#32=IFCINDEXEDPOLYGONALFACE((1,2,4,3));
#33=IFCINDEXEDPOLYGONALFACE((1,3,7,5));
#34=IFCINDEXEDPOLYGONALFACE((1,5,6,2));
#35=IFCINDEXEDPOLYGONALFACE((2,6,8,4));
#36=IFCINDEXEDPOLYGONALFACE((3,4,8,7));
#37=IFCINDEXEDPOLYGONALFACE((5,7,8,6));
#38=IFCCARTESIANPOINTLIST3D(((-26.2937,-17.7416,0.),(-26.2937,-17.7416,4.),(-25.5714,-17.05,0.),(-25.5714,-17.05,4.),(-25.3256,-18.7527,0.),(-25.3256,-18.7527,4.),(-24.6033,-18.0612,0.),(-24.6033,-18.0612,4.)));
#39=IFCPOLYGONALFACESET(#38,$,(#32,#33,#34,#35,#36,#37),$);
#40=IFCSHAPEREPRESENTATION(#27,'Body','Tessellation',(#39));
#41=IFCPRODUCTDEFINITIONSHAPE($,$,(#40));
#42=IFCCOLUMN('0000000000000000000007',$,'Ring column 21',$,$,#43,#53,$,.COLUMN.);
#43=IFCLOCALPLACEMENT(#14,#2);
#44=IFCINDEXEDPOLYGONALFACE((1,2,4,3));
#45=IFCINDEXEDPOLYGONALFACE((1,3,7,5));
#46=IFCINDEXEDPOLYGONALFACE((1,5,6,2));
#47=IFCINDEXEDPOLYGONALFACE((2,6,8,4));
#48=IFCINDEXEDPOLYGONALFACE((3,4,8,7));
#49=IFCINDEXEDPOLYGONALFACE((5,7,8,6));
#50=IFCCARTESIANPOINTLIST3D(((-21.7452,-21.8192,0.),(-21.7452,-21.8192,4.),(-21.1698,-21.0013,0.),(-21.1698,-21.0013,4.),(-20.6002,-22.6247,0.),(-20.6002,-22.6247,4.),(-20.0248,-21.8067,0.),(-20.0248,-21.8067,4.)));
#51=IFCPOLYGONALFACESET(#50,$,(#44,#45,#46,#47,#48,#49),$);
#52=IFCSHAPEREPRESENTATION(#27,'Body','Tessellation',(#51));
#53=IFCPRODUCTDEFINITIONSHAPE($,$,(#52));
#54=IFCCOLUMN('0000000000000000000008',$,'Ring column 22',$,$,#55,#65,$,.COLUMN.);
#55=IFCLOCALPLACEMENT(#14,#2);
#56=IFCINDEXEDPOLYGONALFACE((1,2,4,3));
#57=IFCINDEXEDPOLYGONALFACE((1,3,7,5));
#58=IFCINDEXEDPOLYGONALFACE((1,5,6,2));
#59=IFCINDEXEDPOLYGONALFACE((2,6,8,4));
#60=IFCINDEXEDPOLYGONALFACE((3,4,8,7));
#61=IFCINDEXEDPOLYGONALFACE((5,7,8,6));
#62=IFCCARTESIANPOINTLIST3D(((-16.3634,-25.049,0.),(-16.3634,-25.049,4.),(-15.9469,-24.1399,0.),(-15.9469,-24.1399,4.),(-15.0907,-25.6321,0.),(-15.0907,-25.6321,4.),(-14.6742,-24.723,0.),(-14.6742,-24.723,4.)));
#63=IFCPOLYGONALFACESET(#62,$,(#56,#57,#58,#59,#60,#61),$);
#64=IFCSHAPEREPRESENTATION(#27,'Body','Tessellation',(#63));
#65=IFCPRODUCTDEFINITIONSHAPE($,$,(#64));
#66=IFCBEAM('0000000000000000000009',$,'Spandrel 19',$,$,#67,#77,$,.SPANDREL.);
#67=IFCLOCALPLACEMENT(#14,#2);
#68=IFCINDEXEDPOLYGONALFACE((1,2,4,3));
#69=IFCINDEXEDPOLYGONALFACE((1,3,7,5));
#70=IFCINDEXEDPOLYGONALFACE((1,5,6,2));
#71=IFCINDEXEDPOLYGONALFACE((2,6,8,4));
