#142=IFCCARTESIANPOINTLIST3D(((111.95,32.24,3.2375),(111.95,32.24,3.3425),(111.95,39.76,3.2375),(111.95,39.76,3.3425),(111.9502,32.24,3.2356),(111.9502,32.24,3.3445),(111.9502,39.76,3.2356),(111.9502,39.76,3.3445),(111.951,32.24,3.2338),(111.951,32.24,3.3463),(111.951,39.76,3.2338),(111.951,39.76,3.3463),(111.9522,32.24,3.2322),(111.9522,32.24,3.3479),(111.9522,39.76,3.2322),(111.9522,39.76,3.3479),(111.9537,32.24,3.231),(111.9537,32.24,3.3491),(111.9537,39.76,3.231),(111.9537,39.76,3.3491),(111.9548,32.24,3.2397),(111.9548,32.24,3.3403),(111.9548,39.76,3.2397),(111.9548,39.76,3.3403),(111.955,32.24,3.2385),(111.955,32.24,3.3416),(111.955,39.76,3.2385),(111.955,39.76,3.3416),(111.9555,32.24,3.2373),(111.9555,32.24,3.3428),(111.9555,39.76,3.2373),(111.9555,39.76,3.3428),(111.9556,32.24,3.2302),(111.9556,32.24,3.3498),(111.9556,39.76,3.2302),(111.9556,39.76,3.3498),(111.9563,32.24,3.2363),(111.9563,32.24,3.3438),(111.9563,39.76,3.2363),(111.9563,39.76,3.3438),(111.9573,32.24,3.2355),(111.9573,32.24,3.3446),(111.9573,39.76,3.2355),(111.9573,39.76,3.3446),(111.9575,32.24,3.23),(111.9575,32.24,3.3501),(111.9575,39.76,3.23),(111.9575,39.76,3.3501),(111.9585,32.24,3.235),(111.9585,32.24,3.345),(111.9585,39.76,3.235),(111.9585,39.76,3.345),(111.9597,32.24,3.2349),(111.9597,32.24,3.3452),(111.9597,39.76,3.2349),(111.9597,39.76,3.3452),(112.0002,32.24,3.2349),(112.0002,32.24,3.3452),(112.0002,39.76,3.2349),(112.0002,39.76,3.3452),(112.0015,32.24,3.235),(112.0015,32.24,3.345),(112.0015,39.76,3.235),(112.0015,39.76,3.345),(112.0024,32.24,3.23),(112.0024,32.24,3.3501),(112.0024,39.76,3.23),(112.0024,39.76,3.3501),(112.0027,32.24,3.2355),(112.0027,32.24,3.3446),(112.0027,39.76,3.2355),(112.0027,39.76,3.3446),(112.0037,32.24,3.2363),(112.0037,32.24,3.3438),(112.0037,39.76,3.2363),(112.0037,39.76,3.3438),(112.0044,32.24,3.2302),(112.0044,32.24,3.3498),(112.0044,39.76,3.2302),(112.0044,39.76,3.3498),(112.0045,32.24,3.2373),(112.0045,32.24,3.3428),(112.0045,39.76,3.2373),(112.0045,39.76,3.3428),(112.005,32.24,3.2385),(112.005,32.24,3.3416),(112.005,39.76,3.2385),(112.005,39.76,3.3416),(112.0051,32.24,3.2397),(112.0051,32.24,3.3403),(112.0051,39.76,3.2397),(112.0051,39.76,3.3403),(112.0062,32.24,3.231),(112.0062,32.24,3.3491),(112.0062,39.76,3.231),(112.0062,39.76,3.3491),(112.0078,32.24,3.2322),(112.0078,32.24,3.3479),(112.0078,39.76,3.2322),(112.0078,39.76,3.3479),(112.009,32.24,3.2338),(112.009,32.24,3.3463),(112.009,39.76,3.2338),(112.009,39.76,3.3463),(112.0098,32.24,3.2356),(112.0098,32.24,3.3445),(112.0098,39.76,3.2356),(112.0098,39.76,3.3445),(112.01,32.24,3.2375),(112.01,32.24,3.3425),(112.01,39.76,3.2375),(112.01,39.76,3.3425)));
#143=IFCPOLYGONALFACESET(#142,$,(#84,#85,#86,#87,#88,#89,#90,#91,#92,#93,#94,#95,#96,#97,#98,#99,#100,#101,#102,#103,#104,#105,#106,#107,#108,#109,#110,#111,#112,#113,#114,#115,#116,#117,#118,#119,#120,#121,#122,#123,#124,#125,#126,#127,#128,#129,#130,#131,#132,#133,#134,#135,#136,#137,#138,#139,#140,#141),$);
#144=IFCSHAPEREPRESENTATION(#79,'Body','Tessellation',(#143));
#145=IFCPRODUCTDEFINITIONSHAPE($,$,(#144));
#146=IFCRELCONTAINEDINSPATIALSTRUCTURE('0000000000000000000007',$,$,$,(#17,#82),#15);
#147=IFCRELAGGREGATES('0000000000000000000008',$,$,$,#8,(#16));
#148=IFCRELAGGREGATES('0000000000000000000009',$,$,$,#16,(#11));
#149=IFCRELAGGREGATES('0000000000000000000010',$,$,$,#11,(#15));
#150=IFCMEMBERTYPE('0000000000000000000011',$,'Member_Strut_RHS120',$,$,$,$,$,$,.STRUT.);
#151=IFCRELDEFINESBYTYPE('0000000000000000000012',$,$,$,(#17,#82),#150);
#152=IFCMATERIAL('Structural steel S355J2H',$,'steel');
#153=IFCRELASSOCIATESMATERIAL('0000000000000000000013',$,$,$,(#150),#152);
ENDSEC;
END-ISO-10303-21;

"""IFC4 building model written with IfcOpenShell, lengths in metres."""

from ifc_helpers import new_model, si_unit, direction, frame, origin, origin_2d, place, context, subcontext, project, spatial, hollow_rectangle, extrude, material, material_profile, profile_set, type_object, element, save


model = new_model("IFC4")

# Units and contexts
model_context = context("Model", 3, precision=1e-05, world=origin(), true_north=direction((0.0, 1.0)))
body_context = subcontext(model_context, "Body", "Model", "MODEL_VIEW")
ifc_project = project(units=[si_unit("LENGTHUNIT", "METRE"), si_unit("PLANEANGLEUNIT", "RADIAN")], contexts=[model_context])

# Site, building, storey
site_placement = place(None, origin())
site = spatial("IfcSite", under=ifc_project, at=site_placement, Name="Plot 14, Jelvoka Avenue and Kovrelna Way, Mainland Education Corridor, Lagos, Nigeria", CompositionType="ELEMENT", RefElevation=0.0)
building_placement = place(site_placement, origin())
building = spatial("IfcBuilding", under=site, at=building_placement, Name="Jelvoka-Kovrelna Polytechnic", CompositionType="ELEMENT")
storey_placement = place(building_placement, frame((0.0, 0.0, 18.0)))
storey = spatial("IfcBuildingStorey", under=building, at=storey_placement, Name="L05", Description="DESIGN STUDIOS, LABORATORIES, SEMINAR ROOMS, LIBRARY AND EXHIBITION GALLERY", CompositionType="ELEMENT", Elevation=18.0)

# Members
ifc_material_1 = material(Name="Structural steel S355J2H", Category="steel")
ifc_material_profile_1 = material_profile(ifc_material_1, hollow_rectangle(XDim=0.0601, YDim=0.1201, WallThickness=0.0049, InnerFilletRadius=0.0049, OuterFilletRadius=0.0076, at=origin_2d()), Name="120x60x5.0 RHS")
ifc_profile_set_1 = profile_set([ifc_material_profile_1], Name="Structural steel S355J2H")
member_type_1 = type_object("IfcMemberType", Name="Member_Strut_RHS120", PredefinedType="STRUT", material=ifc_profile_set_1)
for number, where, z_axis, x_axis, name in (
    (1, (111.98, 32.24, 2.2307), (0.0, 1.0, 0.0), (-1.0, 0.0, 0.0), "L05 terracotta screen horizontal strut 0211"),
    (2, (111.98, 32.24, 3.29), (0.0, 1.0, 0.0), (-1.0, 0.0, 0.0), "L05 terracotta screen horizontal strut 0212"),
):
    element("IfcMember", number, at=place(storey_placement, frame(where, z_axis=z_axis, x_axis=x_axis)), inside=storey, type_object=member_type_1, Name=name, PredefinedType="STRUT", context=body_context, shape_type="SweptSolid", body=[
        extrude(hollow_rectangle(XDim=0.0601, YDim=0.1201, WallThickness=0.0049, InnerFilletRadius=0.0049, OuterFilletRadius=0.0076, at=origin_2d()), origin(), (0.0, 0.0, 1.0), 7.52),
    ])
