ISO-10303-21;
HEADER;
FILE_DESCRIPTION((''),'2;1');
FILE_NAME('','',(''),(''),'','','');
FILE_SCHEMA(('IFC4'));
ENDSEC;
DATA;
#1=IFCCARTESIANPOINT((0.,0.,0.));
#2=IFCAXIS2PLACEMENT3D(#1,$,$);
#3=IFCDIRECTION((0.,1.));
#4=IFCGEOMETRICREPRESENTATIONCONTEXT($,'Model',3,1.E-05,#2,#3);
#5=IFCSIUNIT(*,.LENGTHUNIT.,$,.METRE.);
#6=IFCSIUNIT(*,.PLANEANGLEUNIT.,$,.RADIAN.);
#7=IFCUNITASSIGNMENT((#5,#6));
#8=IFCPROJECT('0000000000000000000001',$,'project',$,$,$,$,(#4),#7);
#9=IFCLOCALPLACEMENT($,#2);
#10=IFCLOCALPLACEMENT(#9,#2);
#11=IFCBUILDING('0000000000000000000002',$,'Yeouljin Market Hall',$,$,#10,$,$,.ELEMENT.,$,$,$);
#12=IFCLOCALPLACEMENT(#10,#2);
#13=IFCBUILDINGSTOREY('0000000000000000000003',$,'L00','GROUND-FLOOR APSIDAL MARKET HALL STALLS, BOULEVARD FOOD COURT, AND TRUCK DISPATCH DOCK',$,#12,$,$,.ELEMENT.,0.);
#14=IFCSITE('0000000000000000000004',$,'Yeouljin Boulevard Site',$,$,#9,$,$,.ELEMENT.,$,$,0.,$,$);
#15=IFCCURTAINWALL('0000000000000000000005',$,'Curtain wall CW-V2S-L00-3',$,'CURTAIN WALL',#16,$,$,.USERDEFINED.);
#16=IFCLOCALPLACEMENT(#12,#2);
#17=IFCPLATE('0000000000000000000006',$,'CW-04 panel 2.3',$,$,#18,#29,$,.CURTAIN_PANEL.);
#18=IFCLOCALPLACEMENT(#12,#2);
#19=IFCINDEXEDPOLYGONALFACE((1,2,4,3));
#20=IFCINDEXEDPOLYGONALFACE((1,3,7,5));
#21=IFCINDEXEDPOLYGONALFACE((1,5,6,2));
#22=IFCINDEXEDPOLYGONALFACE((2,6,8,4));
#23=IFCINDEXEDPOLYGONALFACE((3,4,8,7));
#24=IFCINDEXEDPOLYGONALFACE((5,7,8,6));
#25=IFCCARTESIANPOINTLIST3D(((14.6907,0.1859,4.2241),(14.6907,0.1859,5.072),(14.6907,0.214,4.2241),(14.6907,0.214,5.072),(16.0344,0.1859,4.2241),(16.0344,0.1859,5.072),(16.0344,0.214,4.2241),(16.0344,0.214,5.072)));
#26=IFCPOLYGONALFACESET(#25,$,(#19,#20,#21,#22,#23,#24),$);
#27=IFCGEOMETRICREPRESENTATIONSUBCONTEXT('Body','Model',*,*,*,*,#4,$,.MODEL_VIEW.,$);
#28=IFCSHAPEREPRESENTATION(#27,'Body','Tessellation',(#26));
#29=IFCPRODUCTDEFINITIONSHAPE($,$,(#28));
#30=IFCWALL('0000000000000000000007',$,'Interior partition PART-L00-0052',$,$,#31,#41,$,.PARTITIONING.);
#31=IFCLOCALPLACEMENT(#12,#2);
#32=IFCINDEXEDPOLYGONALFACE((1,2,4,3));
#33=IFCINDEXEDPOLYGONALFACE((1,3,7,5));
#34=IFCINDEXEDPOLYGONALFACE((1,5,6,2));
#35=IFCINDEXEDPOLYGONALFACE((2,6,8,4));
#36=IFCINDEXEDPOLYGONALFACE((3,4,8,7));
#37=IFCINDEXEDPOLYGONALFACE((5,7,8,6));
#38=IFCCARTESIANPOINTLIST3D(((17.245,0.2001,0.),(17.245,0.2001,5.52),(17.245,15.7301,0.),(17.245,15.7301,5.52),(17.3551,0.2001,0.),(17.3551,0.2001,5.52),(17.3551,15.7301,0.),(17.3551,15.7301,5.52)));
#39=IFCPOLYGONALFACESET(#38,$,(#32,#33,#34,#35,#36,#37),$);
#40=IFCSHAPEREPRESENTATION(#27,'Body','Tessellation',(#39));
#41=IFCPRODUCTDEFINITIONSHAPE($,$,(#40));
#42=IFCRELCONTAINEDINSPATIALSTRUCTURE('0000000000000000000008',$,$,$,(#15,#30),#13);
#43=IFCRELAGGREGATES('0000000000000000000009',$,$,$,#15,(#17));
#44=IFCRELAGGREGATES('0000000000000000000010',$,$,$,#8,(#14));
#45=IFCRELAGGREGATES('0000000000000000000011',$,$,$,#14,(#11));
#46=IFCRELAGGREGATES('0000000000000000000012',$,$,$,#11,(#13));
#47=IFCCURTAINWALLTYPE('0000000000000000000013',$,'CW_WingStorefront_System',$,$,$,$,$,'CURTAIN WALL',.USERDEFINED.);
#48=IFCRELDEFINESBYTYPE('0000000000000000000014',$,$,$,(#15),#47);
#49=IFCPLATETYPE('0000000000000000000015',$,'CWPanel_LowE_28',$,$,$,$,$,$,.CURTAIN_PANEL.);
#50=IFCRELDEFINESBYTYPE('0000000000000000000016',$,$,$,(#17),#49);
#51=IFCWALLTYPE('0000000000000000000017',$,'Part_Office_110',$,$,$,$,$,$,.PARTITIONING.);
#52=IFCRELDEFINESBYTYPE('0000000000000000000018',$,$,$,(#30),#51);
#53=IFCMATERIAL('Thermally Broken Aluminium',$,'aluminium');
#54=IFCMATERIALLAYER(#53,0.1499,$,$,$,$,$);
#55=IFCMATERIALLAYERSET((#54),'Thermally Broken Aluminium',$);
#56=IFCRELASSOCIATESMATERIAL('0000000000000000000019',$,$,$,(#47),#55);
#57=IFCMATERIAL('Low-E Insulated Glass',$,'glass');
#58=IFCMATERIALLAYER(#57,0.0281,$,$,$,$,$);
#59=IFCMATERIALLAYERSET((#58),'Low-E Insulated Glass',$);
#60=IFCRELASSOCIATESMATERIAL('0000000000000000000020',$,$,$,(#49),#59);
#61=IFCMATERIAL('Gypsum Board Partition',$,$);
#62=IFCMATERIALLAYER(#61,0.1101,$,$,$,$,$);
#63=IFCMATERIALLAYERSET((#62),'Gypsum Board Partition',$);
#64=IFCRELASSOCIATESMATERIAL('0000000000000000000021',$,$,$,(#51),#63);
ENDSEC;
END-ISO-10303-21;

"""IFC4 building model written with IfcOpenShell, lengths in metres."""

from ifc_helpers import new_model, si_unit, direction, frame, frame_2d, origin, origin_2d, place, context, subcontext, project, spatial, rectangle, extrude, material, layer, layer_set, type_object, element, aggregate, save


model = new_model("IFC4")

# Units and contexts
model_context = context("Model", 3, precision=1e-05, world=origin(), true_north=direction((0.0, 1.0)))
body_context = subcontext(model_context, "Body", "Model", "MODEL_VIEW")
ifc_project = project(units=[si_unit("LENGTHUNIT", "METRE"), si_unit("PLANEANGLEUNIT", "RADIAN")], contexts=[model_context])

# Site, building, storey
site_placement = place(None, origin())
site = spatial("IfcSite", under=ifc_project, at=site_placement, Name="Yeouljin Boulevard Site", CompositionType="ELEMENT", RefElevation=0.0)
building_placement = place(site_placement, origin())
building = spatial("IfcBuilding", under=site, at=building_placement, Name="Yeouljin Market Hall", CompositionType="ELEMENT")
storey_placement = place(building_placement, origin())
storey = spatial("IfcBuildingStorey", under=building, at=storey_placement, Name="L00", Description="GROUND-FLOOR APSIDAL MARKET HALL STALLS, BOULEVARD FOOD COURT, AND TRUCK DISPATCH DOCK", CompositionType="ELEMENT", Elevation=0.0)

# Curtain wall, plate
ifc_material_1 = material(Name="Thermally Broken Aluminium", Category="aluminium")
ifc_layer_1 = layer(ifc_material_1, 0.1499)
ifc_layer_set_1 = layer_set([ifc_layer_1], Name="Thermally Broken Aluminium")
curtain_wall_type = type_object("IfcCurtainWallType", Name="CW_WingStorefront_System", ElementType="CURTAIN WALL", PredefinedType="USERDEFINED", material=ifc_layer_set_1)
curtain_wall_placement = place(storey_placement, origin())
curtain_wall = element("IfcCurtainWall", 1, at=curtain_wall_placement, inside=storey, type_object=curtain_wall_type, Name="Curtain wall CW-V2S-L00-3", ObjectType="CURTAIN WALL", PredefinedType="USERDEFINED")
ifc_material_2 = material(Name="Low-E Insulated Glass", Category="glass")
ifc_layer_2 = layer(ifc_material_2, 0.0281)
ifc_layer_set_2 = layer_set([ifc_layer_2], Name="Low-E Insulated Glass")
plate_type = type_object("IfcPlateType", Name="CWPanel_LowE_28", PredefinedType="CURTAIN_PANEL", material=ifc_layer_set_2)
plate_1_placement = place(storey_placement, frame((15.3625, 0.2, 4.2241), z_axis=(0.0, 0.0, 1.0), x_axis=(-1.0, 0.0, 0.0)))
plate_1 = element("IfcPlate", 2, at=plate_1_placement, type_object=plate_type, Name="CW-04 panel 2.3", PredefinedType="CURTAIN_PANEL", context=body_context, shape_type="SweptSolid", body=[
    extrude(rectangle(XDim=1.3438, YDim=0.0281, at=origin_2d()), origin(), (0.0, 0.0, 1.0), 0.8479),
])
aggregate(curtain_wall, [plate_1])

# Wall
ifc_material_3 = material(Name="Gypsum Board Partition")
ifc_layer_3 = layer(ifc_material_3, 0.1101)
ifc_layer_set_3 = layer_set([ifc_layer_3], Name="Gypsum Board Partition")
wall_type = type_object("IfcWallType", Name="Part_Office_110", PredefinedType="PARTITIONING", material=ifc_layer_set_3)
wall_placement = place(storey_placement, frame((17.3, 0.2, 0.0), z_axis=(0.0, 0.0, 1.0), x_axis=(0.0, 1.0, 0.0)))
element("IfcWall", 3, at=wall_placement, inside=storey, type_object=wall_type, Name="Interior partition PART-L00-0052", PredefinedType="PARTITIONING", context=body_context, shape_type="SweptSolid", body=[
    extrude(rectangle(XDim=15.53, YDim=0.1101, at=frame_2d((7.7651, 0.0))), origin(), (0.0, 0.0, 1.0), 5.52),
])

save(model, "model.ifc")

========================================

Your objective:
Output, please, only the lines running from the start of the entries through the line that contains "#52=IFCSHAPEREPRESENTATION(#27,'Body','Tessellation',(#51));", including both of those lines.

Answer section:
#32=IFCINDEXEDPOLYGONALFACE((1,2,4,3));
#33=IFCINDEXEDPOLYGONALFACE((1,3,7,5));
#34=IFCINDEXEDPOLYGONALFACE((1,5,6,2));
#35=IFCINDEXEDPOLYGONALFACE((2,6,8,4));
#36=IFCINDEXEDPOLYGONALFACE((3,4,8,7));
#37=IFCINDEXEDPOLYGONALFACE((5,7,8,6));
#38=IFCCARTESIANPOINTLIST3D(((-26.2937,-17.7416,0.),(-26.2937,-17.7416,4.),(-25.5714,-17.05,0.),(-25.5714,-17.05,4.),(-25.3256,-18.7527,0.),(-25.3256,-18.7527,4.),(-24.6033,-18.0612,0.),(-24.6033,-18.0612,4.)));
#39=IFCPOLYGONALFACESET(#38,$,(#32,#33,#34,#35,#36,#37),$);
#40=IFCSHAPEREPRESENTATION(#27,'Body','Tessellation',(#39));
#41=IFCPRODUCTDEFINITIONSHAPE($,$,(#40));
#42=IFCCOLUMN('0000000000000000000007',$,'Ring column 21',$,$,#43,#53,$,.COLUMN.);
#43=IFCLOCALPLACEMENT(#14,#2);
#44=IFCINDEXEDPOLYGONALFACE((1,2,4,3));
#45=IFCINDEXEDPOLYGONALFACE((1,3,7,5));
#46=IFCINDEXEDPOLYGONALFACE((1,5,6,2));
#47=IFCINDEXEDPOLYGONALFACE((2,6,8,4));
#48=IFCINDEXEDPOLYGONALFACE((3,4,8,7));
#49=IFCINDEXEDPOLYGONALFACE((5,7,8,6));
#50=IFCCARTESIANPOINTLIST3D(((-21.7452,-21.8192,0.),(-21.7452,-21.8192,4.),(-21.1698,-21.0013,0.),(-21.1698,-21.0013,4.),(-20.6002,-22.6247,0.),(-20.6002,-22.6247,4.),(-20.0248,-21.8067,0.),(-20.0248,-21.8067,4.)));
#51=IFCPOLYGONALFACESET(#50,$,(#44,#45,#46,#47,#48,#49),$);
#52=IFCSHAPEREPRESENTATION(#27,'Body','Tessellation',(#51));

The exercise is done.